[Work required] Restate word for word the entries below, starting with the line with "#141=IFCINDEXEDPOLYGONALFACE((29,30,34,33));" and continuing through the line with "#159=IFCINDEXEDPOLYGONALFACE((65,67,68,66));". Include both of those lines and no others.
*** Extracted material Section Begins ***
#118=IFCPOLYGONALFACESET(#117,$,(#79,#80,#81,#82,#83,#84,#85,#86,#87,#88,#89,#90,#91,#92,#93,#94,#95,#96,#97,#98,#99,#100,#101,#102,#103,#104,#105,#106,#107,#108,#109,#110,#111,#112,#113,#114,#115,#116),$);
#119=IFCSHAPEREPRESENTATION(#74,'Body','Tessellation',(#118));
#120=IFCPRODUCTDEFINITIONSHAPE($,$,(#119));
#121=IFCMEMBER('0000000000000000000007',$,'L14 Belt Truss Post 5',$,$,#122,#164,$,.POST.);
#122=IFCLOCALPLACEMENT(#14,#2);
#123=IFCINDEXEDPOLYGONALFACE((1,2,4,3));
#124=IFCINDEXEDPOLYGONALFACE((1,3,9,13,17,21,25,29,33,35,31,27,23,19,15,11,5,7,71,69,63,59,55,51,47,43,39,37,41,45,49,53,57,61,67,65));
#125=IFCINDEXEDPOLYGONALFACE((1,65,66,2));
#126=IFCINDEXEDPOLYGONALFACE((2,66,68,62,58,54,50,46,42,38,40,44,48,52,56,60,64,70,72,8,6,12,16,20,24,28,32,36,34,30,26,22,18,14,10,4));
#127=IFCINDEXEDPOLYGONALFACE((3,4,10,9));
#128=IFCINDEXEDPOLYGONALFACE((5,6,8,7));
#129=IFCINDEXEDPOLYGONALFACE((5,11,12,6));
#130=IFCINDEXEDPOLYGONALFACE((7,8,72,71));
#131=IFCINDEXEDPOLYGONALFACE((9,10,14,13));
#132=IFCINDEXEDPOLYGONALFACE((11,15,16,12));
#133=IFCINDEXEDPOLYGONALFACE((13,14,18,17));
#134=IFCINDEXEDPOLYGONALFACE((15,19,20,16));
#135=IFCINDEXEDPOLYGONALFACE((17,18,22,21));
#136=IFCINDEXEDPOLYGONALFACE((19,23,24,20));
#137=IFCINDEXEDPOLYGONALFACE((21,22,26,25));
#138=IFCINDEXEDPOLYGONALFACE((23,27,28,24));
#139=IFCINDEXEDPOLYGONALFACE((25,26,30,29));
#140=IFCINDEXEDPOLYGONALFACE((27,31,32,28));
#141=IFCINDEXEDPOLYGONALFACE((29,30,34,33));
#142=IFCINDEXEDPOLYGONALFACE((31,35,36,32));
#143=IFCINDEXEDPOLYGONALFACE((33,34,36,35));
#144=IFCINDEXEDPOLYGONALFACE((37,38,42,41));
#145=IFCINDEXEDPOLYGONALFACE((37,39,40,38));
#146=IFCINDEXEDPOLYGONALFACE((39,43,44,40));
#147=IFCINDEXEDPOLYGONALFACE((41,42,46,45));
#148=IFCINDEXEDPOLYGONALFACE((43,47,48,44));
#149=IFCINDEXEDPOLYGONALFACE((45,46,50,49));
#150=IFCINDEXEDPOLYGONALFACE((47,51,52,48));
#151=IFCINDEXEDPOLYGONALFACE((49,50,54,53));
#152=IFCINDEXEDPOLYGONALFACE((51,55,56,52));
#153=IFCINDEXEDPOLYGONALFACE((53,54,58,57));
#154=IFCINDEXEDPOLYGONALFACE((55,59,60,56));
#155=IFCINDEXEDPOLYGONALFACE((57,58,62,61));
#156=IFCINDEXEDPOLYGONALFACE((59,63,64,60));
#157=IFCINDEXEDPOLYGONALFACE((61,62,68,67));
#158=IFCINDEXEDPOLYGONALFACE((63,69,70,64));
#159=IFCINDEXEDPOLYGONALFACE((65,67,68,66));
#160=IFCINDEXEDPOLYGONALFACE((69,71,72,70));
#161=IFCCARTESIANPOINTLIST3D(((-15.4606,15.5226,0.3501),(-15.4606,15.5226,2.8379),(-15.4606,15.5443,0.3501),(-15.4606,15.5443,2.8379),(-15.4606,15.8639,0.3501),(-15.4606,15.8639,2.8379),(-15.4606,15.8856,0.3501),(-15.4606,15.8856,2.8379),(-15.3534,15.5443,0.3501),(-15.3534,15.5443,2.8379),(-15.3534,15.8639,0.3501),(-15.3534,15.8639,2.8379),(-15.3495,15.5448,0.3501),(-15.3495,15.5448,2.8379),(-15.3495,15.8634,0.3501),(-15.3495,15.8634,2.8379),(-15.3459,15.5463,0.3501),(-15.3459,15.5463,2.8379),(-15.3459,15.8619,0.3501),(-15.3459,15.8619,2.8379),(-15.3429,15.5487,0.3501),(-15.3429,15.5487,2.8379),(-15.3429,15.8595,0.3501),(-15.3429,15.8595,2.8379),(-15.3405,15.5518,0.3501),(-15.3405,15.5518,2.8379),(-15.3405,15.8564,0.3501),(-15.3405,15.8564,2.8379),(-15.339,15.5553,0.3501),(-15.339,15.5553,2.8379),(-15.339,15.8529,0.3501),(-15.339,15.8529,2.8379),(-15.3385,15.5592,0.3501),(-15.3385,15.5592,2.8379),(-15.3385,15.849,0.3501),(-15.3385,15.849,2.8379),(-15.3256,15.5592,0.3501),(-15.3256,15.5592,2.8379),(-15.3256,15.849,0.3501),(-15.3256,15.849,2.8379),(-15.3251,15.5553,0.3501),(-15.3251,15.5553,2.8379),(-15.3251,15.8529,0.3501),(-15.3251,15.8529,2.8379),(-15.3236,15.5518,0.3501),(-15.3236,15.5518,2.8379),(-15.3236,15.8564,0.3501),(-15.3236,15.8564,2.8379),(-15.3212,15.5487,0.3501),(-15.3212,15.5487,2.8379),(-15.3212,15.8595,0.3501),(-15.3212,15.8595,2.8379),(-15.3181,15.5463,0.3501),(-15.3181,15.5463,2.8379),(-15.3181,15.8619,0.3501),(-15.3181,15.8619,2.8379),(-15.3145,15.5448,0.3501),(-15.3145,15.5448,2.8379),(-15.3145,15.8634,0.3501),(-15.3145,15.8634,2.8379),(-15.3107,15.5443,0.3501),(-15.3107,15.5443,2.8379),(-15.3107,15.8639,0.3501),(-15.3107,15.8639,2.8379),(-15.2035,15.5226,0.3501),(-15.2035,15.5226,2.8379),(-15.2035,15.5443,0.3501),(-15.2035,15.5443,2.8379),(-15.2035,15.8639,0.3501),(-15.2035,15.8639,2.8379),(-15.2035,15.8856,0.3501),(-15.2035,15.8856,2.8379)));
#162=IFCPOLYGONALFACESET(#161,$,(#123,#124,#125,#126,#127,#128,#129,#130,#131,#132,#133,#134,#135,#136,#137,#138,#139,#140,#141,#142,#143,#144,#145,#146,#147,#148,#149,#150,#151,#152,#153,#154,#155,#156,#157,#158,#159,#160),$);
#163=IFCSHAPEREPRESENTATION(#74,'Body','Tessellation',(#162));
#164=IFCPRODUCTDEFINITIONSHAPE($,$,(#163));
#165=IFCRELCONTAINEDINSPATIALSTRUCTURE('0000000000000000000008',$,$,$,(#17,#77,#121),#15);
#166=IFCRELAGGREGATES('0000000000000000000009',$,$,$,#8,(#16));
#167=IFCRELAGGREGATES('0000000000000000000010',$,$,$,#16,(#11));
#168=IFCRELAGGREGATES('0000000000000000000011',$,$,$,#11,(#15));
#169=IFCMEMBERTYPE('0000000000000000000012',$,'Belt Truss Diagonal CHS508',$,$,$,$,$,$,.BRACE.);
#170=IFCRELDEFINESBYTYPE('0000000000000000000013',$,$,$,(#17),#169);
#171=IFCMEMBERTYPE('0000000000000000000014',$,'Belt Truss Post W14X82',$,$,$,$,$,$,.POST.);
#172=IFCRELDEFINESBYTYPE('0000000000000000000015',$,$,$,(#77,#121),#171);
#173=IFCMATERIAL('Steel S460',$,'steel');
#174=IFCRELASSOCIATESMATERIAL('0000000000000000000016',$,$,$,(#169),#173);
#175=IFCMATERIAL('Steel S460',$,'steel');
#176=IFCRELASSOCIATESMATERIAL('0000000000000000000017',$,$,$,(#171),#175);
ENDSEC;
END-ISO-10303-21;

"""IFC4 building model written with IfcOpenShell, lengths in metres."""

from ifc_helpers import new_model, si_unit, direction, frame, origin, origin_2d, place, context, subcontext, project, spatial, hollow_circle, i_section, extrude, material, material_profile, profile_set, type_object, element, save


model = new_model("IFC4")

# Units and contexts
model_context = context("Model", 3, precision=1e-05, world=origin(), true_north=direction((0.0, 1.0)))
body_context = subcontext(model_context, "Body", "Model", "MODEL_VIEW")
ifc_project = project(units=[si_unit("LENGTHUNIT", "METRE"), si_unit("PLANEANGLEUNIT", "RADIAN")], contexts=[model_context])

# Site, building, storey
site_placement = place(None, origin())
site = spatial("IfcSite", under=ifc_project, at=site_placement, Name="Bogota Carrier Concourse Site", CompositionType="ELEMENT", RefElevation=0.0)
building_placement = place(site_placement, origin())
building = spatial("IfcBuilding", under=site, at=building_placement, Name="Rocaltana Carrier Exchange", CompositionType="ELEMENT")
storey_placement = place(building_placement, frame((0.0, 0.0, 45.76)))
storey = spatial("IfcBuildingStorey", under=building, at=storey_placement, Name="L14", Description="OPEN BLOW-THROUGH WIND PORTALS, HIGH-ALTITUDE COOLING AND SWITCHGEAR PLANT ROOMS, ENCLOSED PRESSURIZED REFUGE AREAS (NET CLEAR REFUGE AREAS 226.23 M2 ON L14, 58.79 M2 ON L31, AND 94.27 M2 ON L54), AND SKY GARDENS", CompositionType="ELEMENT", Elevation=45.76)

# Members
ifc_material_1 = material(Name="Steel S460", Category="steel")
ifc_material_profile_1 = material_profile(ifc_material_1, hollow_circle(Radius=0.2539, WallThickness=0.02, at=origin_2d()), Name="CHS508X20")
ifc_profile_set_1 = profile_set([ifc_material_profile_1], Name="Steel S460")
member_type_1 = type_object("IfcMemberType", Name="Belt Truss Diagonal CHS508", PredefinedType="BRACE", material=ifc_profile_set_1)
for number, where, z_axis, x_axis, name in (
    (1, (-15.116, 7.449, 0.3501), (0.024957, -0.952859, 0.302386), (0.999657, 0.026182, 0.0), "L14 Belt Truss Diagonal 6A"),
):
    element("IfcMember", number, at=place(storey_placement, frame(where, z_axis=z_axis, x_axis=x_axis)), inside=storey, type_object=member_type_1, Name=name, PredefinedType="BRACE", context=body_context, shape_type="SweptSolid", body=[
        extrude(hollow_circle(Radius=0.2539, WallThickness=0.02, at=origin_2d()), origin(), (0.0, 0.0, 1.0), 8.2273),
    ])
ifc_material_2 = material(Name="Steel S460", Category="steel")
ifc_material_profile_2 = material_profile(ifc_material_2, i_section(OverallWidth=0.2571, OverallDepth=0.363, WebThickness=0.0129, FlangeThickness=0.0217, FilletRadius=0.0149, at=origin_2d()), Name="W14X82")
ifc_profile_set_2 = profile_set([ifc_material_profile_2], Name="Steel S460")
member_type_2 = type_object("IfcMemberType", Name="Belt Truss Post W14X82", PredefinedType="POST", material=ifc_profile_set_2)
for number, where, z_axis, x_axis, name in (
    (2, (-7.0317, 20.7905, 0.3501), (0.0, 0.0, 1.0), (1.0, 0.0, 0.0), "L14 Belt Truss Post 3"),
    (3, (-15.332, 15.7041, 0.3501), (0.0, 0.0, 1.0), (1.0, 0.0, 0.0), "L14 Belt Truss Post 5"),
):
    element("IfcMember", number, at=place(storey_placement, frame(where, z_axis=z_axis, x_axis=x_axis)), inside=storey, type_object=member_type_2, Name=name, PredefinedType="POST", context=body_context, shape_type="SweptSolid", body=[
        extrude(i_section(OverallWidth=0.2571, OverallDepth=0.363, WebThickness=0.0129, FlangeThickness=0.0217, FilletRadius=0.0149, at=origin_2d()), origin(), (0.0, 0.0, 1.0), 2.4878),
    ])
*** Extracted material Section Ends ***
[Answer to this exercise]
#141=IFCINDEXEDPOLYGONALFACE((29,30,34,33));
#142=IFCINDEXEDPOLYGONALFACE((31,35,36,32));
#143=IFCINDEXEDPOLYGONALFACE((33,34,36,35));
#144=IFCINDEXEDPOLYGONALFACE((37,38,42,41));
#145=IFCINDEXEDPOLYGONALFACE((37,39,40,38));
#146=IFCINDEXEDPOLYGONALFACE((39,43,44,40));
#147=IFCINDEXEDPOLYGONALFACE((41,42,46,45));
#148=IFCINDEXEDPOLYGONALFACE((43,47,48,44));
#149=IFCINDEXEDPOLYGONALFACE((45,46,50,49));
#150=IFCINDEXEDPOLYGONALFACE((47,51,52,48));
#151=IFCINDEXEDPOLYGONALFACE((49,50,54,53));
#152=IFCINDEXEDPOLYGONALFACE((51,55,56,52));
#153=IFCINDEXEDPOLYGONALFACE((53,54,58,57));
#154=IFCINDEXEDPOLYGONALFACE((55,59,60,56));
#155=IFCINDEXEDPOLYGONALFACE((57,58,62,61));
#156=IFCINDEXEDPOLYGONALFACE((59,63,64,60));
#157=IFCINDEXEDPOLYGONALFACE((61,62,68,67));
#158=IFCINDEXEDPOLYGONALFACE((63,69,70,64));
#159=IFCINDEXEDPOLYGONALFACE((65,67,68,66));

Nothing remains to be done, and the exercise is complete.